Entries follow. Give back exactly the lines starting at the one containing "#69=IFCPRODUCTDEFINITIONSHAPE($,$,(#68));" and ending at the one containing "#78=IFCINDEXEDPOLYGONALFACE((4,16,24,12));", and no other lines.

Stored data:
^^^^
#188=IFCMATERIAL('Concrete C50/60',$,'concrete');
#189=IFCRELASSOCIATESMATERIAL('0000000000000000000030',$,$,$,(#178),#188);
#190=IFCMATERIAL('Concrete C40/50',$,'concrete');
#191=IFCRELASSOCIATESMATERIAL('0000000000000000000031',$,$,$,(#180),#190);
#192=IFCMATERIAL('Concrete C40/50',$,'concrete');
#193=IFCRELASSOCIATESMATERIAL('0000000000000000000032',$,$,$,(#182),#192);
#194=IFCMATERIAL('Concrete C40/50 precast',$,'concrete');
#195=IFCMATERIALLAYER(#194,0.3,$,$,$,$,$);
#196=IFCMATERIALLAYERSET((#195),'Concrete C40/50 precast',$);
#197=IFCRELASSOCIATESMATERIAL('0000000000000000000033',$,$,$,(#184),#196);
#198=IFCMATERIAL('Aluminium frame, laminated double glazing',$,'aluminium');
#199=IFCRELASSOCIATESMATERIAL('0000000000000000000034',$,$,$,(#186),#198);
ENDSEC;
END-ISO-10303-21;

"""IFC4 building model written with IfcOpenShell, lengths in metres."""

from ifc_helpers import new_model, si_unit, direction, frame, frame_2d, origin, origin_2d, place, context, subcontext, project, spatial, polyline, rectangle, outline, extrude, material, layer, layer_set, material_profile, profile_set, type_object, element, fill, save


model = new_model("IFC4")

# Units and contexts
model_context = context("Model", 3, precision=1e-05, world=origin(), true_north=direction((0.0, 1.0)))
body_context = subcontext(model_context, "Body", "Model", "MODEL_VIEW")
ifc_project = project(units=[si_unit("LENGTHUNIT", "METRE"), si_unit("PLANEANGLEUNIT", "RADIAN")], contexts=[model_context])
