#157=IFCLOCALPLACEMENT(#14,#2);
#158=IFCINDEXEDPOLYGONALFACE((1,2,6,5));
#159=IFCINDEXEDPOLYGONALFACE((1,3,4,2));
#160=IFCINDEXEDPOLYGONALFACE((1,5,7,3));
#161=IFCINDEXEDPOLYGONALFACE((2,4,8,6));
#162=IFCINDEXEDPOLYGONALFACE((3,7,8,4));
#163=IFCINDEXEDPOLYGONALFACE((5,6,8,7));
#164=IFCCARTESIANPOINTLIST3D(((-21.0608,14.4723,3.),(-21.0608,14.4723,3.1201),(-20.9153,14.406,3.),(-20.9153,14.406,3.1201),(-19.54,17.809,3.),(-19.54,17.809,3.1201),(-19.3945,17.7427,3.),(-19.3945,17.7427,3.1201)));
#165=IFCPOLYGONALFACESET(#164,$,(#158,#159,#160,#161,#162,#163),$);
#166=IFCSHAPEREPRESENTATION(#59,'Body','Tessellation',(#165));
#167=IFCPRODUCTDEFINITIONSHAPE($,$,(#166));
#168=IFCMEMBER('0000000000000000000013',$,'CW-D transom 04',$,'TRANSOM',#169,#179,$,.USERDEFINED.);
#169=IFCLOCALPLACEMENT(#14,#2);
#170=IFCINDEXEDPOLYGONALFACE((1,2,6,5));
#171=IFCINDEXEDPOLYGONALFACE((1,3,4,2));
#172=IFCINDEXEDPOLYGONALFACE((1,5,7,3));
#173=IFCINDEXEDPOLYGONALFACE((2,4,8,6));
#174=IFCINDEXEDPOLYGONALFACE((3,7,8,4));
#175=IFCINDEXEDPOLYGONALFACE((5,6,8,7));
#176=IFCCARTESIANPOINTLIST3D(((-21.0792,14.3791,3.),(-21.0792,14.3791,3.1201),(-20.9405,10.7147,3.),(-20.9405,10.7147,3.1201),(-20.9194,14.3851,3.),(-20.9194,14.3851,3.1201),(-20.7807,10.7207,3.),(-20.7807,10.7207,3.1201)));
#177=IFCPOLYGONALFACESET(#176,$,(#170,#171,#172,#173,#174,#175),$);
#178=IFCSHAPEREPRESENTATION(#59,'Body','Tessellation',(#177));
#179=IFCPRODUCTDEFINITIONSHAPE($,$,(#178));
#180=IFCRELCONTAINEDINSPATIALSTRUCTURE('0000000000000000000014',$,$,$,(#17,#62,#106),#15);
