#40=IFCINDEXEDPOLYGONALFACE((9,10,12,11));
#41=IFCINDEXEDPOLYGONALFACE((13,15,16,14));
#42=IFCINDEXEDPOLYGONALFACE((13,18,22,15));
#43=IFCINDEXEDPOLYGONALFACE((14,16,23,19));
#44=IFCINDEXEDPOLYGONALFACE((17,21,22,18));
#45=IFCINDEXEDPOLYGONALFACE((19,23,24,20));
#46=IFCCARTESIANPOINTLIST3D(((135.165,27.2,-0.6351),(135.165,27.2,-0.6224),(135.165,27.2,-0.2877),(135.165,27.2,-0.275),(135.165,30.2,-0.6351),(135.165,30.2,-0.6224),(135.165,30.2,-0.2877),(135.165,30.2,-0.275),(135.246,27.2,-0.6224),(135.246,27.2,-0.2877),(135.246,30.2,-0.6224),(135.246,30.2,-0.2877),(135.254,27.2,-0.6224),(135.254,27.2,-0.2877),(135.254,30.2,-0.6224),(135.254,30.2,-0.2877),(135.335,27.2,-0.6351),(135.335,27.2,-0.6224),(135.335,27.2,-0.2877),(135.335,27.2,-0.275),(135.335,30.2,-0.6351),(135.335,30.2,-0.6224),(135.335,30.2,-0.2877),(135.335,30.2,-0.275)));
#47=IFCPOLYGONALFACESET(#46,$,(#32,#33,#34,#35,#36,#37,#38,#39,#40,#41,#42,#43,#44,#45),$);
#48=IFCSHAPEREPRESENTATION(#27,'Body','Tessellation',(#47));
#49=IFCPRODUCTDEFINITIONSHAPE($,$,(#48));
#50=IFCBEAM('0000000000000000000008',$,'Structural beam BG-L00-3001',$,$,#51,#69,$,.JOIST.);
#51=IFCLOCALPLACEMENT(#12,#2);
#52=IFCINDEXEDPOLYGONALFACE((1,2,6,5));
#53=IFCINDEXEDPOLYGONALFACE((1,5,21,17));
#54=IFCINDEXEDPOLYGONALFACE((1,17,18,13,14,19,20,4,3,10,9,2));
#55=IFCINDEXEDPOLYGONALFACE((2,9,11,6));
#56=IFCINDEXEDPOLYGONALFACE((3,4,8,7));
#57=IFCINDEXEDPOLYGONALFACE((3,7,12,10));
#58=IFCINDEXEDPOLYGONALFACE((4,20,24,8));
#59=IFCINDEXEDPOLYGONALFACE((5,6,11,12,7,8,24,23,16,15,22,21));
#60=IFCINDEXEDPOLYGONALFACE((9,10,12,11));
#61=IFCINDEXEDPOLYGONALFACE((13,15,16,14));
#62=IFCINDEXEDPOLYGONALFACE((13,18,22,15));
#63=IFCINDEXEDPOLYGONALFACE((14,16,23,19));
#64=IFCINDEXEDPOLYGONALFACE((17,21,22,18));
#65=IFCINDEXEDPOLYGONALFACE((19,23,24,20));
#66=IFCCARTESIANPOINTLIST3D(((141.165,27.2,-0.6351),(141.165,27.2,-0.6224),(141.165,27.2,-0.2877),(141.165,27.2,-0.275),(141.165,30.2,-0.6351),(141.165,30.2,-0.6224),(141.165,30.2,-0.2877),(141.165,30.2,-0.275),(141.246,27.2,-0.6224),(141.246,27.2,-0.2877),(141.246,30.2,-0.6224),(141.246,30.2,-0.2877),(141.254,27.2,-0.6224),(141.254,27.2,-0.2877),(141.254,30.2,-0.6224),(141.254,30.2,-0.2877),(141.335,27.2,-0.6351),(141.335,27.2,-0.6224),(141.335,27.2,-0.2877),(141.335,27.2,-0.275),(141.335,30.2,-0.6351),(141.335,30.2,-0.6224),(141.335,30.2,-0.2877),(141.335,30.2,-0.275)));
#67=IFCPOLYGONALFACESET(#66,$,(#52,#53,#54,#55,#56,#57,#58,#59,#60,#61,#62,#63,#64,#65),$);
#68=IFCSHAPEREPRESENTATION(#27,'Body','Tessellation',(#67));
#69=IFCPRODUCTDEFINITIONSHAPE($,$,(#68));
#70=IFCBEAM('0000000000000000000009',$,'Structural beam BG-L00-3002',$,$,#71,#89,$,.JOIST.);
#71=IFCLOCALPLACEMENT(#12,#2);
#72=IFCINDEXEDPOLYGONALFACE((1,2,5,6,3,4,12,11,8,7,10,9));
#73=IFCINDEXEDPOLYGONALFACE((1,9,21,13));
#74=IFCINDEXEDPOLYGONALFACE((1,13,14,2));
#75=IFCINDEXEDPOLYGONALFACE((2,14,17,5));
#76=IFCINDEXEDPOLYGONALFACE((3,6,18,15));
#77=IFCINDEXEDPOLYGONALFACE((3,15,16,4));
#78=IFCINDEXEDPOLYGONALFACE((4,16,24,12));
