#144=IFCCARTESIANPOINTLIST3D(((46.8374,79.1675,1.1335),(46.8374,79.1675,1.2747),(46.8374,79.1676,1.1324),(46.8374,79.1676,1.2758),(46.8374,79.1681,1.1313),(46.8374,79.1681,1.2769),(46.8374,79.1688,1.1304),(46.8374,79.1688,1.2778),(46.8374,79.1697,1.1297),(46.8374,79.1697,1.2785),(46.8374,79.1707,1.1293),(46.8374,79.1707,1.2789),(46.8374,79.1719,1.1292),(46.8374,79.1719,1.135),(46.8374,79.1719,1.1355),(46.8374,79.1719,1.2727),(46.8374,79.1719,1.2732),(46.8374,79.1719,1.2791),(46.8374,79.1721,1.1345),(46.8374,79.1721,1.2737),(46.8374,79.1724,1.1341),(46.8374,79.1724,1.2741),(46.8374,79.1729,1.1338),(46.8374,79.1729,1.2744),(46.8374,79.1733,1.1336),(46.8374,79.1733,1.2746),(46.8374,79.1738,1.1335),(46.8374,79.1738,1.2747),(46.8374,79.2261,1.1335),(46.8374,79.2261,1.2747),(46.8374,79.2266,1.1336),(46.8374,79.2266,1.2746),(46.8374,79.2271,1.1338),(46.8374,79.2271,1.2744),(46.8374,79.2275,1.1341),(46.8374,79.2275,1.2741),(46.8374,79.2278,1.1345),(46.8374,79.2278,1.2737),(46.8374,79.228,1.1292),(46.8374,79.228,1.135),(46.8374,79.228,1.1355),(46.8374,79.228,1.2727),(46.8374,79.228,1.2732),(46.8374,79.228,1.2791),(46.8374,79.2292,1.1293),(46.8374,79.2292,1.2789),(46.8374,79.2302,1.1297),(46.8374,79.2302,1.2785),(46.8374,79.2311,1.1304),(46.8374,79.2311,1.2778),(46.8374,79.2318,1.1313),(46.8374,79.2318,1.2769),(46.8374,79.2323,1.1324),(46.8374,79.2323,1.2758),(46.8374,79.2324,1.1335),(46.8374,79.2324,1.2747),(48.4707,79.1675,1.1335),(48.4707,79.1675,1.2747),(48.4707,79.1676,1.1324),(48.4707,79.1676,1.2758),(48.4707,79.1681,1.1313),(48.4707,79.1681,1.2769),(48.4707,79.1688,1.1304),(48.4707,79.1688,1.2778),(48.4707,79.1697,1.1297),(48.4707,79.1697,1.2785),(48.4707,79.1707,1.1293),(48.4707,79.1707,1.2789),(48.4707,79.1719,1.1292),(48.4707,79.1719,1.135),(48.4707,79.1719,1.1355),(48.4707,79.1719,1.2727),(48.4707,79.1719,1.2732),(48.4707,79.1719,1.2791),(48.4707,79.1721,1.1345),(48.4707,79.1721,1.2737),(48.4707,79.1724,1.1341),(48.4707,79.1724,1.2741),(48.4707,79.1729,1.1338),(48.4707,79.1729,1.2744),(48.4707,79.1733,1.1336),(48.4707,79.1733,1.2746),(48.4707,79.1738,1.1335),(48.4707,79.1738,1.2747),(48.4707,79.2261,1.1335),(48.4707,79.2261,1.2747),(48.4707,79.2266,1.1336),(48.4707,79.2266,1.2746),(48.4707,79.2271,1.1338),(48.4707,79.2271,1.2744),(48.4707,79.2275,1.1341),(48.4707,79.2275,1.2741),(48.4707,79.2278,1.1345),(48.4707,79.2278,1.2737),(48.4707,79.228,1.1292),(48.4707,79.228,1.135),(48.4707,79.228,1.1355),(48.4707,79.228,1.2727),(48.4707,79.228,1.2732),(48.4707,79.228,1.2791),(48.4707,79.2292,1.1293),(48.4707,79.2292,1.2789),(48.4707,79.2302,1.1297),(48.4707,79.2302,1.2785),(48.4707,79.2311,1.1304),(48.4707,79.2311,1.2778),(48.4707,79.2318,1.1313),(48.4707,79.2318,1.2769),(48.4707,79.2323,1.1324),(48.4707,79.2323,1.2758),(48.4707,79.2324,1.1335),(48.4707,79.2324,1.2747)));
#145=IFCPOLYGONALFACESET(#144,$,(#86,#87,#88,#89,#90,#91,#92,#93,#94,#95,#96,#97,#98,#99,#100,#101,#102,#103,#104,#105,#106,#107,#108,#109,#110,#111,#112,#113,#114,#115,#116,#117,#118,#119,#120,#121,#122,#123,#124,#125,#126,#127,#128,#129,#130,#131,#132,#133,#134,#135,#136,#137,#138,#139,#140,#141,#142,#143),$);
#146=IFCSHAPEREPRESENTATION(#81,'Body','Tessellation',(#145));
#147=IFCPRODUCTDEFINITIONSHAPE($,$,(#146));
^^^^
## Exercise solution
#69=IFCPRODUCTDEFINITIONSHAPE($,$,(#68));
#70=IFCBEAM('0000000000000000000009',$,'Structural beam BG-L00-3002',$,$,#71,#89,$,.JOIST.);
#71=IFCLOCALPLACEMENT(#12,#2);
#72=IFCINDEXEDPOLYGONALFACE((1,2,5,6,3,4,12,11,8,7,10,9));
#73=IFCINDEXEDPOLYGONALFACE((1,9,21,13));
#74=IFCINDEXEDPOLYGONALFACE((1,13,14,2));
#75=IFCINDEXEDPOLYGONALFACE((2,14,17,5));
#76=IFCINDEXEDPOLYGONALFACE((3,6,18,15));
#77=IFCINDEXEDPOLYGONALFACE((3,15,16,4));
#78=IFCINDEXEDPOLYGONALFACE((4,16,24,12));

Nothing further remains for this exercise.